[Data provided]

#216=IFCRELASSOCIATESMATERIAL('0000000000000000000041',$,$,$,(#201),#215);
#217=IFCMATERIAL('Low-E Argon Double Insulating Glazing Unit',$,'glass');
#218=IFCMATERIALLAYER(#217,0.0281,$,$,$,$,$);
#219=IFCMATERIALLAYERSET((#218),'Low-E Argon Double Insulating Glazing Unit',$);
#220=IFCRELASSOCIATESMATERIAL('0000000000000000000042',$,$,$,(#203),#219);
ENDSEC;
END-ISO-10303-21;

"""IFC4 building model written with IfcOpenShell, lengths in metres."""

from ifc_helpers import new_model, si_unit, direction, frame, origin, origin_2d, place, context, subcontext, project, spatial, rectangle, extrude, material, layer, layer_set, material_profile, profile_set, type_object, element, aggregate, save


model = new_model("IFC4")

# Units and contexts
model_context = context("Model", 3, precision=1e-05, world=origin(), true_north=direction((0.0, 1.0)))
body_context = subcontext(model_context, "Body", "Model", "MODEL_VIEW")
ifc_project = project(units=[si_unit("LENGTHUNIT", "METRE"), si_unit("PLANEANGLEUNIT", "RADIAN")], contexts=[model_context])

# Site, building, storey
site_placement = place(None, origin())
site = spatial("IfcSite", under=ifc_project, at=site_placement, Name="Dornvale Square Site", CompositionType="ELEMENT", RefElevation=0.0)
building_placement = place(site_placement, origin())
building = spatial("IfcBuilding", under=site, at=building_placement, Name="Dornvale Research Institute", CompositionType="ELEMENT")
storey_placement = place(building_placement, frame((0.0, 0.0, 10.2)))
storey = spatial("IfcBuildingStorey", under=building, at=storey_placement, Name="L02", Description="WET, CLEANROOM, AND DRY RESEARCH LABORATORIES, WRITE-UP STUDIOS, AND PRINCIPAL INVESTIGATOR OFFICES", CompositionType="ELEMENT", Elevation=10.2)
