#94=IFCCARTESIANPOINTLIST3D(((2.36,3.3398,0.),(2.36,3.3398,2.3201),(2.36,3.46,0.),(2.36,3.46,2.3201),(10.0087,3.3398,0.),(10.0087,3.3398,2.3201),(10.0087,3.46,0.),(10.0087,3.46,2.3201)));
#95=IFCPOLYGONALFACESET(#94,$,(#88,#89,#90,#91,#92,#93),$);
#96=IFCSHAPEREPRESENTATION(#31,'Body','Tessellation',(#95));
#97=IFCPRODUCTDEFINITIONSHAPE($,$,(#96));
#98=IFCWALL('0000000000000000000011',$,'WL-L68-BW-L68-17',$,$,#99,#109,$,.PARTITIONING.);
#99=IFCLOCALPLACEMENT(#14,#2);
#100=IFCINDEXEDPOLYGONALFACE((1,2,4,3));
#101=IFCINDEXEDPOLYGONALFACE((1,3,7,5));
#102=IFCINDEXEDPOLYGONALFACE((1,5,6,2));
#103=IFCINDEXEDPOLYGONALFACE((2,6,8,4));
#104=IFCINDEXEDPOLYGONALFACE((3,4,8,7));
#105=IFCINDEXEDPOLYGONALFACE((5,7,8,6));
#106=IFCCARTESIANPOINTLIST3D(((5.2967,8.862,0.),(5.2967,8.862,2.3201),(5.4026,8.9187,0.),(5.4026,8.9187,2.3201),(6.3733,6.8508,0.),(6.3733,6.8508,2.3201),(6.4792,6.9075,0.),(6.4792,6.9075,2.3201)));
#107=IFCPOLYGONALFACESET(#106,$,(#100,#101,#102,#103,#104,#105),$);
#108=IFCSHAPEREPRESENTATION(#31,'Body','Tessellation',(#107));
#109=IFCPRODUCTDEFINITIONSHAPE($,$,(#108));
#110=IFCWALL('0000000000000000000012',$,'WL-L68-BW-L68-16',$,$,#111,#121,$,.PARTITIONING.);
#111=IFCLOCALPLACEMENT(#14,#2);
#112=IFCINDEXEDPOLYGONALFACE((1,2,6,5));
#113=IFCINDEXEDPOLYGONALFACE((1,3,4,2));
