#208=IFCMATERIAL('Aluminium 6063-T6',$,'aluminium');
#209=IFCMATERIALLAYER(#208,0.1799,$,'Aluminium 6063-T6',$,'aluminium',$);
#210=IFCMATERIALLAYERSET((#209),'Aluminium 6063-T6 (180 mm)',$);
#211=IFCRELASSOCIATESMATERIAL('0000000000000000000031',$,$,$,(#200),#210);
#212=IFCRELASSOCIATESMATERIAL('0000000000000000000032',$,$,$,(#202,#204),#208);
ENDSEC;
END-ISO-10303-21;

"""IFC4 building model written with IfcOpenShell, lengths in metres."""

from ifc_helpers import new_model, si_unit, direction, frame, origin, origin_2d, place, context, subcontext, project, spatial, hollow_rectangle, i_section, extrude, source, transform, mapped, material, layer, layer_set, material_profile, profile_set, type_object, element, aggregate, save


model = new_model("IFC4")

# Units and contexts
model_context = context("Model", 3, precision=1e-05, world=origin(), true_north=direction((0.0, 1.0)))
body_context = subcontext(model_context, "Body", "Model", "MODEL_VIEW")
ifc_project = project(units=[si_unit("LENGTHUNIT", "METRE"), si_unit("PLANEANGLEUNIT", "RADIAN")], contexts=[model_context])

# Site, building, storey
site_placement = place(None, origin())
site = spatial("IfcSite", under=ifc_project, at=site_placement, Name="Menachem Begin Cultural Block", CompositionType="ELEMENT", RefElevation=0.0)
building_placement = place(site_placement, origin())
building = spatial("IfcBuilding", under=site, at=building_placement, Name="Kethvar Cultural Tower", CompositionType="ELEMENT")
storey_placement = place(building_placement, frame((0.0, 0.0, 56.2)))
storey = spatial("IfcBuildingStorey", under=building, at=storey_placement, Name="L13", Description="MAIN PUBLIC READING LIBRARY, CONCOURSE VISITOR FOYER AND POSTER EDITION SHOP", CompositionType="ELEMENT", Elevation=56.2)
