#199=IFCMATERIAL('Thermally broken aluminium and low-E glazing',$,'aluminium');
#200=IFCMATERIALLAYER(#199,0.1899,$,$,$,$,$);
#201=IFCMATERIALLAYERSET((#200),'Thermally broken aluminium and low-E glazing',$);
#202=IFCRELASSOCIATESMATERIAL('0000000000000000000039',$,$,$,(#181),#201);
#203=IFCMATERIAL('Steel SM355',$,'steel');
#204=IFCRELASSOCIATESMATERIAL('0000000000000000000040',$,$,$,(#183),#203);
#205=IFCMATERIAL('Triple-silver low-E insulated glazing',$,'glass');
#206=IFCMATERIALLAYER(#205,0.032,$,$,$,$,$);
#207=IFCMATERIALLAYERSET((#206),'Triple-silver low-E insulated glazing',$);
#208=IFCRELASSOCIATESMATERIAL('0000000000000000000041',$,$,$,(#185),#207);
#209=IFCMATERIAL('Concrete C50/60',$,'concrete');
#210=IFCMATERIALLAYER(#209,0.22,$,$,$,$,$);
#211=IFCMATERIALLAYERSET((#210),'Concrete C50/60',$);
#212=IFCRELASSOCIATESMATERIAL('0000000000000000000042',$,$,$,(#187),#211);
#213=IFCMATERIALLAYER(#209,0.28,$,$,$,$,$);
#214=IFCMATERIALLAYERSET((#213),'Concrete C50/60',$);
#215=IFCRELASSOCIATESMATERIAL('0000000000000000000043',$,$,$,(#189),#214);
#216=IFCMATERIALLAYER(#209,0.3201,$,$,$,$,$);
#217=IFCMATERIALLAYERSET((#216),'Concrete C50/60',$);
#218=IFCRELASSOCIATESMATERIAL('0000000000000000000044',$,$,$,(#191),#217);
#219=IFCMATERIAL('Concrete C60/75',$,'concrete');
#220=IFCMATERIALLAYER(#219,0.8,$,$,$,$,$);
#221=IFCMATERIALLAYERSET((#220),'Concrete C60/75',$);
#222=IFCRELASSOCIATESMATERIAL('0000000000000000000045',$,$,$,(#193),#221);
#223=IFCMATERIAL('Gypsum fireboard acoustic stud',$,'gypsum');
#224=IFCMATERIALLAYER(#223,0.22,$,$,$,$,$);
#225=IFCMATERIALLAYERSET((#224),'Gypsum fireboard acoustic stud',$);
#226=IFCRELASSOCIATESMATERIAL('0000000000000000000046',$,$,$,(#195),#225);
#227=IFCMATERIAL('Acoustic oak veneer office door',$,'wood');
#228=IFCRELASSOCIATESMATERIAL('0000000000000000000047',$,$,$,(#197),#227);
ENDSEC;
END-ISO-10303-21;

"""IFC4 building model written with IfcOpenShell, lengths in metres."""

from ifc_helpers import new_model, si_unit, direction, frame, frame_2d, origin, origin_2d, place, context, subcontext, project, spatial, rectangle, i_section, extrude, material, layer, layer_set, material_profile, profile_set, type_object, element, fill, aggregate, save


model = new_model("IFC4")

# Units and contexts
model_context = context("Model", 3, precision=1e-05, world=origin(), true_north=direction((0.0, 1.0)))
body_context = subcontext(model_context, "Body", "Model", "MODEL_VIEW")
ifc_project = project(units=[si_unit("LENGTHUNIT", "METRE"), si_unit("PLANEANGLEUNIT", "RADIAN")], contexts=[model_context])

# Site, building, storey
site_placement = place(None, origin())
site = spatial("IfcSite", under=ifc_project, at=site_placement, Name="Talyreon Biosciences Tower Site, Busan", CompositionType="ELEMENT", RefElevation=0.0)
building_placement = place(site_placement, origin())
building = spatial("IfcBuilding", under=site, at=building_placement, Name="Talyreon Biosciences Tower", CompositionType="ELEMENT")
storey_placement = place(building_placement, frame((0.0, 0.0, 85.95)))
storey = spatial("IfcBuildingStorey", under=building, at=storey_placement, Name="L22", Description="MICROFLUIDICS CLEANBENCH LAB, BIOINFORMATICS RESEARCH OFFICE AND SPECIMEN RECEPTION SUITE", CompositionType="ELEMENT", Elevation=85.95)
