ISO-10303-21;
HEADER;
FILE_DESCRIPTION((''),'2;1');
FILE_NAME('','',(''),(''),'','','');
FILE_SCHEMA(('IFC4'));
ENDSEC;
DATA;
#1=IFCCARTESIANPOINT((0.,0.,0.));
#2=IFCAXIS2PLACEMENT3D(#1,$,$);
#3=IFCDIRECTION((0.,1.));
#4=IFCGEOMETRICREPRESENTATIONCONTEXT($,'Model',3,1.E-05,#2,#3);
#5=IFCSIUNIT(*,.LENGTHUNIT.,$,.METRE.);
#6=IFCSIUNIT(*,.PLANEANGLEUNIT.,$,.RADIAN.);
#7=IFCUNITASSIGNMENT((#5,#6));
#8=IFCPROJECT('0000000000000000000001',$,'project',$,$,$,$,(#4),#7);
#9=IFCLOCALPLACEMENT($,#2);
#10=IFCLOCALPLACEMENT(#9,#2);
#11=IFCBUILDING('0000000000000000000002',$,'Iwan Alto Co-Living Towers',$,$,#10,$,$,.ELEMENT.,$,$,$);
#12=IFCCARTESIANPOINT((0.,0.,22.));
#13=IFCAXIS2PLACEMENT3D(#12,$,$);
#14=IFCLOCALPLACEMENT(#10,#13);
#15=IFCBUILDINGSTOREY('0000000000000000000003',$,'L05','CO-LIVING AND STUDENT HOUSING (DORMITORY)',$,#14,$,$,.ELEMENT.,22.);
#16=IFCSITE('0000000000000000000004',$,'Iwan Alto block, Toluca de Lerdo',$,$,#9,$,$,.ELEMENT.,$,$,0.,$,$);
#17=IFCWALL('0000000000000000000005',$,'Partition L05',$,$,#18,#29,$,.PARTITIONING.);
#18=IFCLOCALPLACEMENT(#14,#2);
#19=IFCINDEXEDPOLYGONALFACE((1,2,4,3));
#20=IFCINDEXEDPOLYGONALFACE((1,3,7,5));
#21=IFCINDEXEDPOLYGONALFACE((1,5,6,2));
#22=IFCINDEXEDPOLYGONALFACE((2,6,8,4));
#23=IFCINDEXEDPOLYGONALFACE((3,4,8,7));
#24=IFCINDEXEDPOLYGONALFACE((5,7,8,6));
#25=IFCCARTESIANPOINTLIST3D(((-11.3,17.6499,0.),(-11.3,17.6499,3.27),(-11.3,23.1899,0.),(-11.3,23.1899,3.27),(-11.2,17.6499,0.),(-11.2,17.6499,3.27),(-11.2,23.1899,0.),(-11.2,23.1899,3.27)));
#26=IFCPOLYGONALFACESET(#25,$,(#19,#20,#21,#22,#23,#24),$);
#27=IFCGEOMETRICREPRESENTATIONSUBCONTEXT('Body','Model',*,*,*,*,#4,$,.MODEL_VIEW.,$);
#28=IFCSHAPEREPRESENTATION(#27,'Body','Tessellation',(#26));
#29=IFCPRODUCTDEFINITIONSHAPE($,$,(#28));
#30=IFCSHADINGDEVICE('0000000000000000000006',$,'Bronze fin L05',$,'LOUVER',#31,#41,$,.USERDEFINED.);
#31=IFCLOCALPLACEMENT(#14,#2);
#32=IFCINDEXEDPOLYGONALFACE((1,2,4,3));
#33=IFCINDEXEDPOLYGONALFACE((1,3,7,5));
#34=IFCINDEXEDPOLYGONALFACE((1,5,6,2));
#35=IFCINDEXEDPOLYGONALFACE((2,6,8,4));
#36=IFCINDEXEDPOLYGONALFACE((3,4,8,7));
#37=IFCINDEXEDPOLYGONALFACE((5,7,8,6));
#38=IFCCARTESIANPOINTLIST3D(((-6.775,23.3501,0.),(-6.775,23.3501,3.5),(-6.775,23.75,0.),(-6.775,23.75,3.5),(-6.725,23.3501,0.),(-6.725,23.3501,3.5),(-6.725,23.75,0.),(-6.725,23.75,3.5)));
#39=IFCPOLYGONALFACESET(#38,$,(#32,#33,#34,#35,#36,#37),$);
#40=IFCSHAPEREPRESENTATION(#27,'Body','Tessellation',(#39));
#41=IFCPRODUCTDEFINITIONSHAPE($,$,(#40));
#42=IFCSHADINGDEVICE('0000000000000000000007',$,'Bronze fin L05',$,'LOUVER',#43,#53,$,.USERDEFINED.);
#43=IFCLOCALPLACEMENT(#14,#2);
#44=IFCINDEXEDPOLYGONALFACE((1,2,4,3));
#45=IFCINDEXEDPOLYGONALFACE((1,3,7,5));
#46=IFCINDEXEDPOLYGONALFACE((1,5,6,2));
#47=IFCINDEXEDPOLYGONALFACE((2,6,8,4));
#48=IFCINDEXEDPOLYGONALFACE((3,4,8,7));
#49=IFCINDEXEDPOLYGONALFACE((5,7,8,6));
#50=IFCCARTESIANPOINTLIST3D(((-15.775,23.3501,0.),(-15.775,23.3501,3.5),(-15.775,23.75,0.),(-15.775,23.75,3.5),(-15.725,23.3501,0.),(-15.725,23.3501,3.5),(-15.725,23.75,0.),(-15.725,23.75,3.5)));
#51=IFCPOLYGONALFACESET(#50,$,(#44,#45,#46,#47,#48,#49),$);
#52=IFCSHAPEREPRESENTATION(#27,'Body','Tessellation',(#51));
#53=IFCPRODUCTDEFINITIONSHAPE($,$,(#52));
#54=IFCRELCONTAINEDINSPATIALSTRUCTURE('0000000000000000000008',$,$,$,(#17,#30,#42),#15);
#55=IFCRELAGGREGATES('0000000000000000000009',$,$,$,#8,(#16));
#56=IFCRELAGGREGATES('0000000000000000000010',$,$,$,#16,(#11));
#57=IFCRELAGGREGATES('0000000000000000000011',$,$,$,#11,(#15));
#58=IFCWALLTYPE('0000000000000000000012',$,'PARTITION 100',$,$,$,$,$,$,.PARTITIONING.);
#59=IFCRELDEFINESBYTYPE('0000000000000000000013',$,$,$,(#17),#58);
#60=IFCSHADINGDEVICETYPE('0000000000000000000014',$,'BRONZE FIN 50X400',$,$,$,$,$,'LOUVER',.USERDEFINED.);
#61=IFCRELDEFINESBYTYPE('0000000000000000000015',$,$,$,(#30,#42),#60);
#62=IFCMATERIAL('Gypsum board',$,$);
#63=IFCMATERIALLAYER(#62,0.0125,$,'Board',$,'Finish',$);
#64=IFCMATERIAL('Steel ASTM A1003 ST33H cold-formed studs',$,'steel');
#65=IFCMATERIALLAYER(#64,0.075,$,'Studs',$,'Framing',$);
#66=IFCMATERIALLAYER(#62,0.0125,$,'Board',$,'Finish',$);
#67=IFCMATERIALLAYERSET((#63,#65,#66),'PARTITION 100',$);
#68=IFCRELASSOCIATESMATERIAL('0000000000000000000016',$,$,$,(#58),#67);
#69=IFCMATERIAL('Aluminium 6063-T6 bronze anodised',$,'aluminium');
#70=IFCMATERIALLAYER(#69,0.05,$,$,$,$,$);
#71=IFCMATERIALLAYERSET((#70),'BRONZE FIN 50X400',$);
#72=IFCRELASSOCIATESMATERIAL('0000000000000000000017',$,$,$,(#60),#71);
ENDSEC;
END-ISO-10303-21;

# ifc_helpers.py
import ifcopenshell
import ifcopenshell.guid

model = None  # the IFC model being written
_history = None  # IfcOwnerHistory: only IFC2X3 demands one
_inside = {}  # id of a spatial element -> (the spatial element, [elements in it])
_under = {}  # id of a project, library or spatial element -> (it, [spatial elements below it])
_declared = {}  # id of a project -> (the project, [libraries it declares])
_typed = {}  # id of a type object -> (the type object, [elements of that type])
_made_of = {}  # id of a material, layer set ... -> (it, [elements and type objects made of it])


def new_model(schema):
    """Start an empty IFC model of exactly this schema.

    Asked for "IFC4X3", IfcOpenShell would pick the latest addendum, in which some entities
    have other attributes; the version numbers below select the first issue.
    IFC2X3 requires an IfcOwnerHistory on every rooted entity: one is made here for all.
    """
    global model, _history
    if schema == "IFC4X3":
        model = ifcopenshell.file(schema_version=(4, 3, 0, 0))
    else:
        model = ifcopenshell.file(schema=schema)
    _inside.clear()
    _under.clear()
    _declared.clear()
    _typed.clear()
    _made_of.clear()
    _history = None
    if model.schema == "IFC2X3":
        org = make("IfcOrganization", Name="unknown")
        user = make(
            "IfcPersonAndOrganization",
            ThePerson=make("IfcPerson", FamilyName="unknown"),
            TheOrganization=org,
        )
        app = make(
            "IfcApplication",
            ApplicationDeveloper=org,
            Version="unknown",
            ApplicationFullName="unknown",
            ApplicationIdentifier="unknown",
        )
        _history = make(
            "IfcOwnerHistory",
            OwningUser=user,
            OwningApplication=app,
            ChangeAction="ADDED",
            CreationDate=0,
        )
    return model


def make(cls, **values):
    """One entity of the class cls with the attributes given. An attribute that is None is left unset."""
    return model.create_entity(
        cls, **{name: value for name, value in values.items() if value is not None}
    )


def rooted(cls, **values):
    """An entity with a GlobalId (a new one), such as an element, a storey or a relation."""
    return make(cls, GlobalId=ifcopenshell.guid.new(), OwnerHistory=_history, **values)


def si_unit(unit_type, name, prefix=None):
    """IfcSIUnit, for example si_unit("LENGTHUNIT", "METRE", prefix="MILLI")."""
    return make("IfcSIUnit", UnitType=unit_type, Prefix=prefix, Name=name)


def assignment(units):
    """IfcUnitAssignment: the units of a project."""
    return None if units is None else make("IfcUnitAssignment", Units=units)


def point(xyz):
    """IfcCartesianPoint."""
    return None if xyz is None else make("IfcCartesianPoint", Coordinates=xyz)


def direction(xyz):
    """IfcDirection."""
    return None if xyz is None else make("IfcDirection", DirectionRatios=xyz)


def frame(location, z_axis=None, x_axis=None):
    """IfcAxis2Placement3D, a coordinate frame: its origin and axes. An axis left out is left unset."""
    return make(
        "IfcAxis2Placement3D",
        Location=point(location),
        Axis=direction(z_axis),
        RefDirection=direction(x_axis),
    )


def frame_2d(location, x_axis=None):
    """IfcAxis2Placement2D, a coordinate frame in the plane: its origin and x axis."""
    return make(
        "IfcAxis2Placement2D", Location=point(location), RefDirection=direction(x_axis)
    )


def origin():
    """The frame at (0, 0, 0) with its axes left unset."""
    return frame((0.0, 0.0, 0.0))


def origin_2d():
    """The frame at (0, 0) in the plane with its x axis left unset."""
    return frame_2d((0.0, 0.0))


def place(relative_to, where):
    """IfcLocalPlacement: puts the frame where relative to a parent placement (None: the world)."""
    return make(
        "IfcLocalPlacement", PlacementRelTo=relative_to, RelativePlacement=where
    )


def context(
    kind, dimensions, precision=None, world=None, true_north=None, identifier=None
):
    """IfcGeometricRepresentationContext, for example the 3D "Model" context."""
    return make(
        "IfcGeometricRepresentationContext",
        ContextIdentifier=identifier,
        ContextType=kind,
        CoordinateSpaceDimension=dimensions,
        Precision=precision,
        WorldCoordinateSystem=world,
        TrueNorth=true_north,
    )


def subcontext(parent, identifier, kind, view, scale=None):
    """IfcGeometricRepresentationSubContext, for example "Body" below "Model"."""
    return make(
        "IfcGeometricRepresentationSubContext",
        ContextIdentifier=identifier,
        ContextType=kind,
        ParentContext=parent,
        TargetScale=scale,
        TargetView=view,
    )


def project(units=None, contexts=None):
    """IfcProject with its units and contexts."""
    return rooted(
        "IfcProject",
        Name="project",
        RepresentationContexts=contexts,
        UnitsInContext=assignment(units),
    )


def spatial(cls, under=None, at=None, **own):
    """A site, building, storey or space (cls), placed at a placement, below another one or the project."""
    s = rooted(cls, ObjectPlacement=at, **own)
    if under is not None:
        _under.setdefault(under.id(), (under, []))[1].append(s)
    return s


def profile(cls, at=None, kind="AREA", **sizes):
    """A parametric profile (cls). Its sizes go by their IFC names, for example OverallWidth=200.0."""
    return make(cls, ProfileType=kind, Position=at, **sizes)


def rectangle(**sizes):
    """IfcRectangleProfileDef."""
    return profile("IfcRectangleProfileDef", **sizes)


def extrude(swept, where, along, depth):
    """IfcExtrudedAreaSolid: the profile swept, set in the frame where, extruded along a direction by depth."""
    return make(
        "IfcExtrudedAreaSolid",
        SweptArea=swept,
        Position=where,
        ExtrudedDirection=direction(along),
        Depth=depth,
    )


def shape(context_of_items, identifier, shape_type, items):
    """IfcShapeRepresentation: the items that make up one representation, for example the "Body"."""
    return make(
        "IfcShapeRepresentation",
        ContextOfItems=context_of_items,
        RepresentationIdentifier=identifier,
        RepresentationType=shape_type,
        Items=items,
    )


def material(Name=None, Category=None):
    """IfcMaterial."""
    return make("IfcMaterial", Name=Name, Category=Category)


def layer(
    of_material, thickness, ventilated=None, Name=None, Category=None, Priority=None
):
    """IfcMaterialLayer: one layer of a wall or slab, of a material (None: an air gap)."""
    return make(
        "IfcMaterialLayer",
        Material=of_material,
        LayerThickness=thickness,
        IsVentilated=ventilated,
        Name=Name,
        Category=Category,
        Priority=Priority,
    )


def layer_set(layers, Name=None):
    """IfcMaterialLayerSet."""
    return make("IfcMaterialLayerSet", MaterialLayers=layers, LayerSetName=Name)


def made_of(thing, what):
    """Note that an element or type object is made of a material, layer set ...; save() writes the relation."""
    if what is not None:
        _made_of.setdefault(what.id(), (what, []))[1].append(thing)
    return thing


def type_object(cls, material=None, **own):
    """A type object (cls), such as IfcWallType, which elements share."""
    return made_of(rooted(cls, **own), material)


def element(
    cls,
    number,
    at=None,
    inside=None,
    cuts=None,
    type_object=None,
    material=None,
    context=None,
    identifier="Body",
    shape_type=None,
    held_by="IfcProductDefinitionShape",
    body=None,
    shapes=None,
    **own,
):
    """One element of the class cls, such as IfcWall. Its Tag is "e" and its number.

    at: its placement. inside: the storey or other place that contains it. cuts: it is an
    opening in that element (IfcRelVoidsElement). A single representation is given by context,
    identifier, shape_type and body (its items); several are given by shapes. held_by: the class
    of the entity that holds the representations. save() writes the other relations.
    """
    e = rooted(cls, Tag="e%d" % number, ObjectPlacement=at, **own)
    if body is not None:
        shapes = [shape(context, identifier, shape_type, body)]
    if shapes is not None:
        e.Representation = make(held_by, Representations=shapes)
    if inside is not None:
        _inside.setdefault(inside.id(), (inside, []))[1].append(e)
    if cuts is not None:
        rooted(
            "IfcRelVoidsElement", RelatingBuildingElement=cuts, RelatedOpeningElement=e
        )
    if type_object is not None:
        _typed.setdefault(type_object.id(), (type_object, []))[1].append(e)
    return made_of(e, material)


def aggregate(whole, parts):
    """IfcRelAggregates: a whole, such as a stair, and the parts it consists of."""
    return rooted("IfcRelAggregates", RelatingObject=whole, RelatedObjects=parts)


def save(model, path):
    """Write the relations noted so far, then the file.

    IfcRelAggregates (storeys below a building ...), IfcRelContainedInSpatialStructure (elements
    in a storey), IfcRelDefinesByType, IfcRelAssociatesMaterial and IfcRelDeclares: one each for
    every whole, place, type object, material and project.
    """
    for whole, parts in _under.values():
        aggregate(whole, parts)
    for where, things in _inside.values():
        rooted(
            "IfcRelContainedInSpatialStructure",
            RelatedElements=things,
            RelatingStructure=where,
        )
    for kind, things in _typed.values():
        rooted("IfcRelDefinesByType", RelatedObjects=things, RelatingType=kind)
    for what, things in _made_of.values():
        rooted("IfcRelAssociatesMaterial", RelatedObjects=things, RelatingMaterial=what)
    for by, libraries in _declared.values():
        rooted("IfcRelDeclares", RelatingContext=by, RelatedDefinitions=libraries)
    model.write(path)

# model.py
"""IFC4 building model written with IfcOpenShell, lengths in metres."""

from ifc_helpers import new_model, si_unit, direction, frame, frame_2d, origin, origin_2d, place, context, subcontext, project, spatial, rectangle, extrude, material, layer, layer_set, type_object, element, save


model = new_model("IFC4")

# Units and contexts
model_context = context("Model", 3, precision=1e-05, world=origin(), true_north=direction((0.0, 1.0)))
body_context = subcontext(model_context, "Body", "Model", "MODEL_VIEW")
ifc_project = project(units=[si_unit("LENGTHUNIT", "METRE"), si_unit("PLANEANGLEUNIT", "RADIAN")], contexts=[model_context])

# Site, building, storey
site_placement = place(None, origin())
site = spatial("IfcSite", under=ifc_project, at=site_placement, Name="Iwan Alto block, Toluca de Lerdo", CompositionType="ELEMENT", RefElevation=0.0)
building_placement = place(site_placement, origin())
building = spatial("IfcBuilding", under=site, at=building_placement, Name="Iwan Alto Co-Living Towers", CompositionType="ELEMENT")
storey_placement = place(building_placement, frame((0.0, 0.0, 22.0)))
storey = spatial("IfcBuildingStorey", under=building, at=storey_placement, Name="L05", Description="CO-LIVING AND STUDENT HOUSING (DORMITORY)", CompositionType="ELEMENT", Elevation=22.0)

[/Data provided]

Copy each line of the listing that contains "Tessellation".

#96=IFCSHAPEREPRESENTATION(#31,'Body','Tessellation',(#95));
#108=IFCSHAPEREPRESENTATION(#31,'Body','Tessellation',(#107));
#28=IFCSHAPEREPRESENTATION(#27,'Body','Tessellation',(#26));
#40=IFCSHAPEREPRESENTATION(#27,'Body','Tessellation',(#39));
#52=IFCSHAPEREPRESENTATION(#27,'Body','Tessellation',(#51));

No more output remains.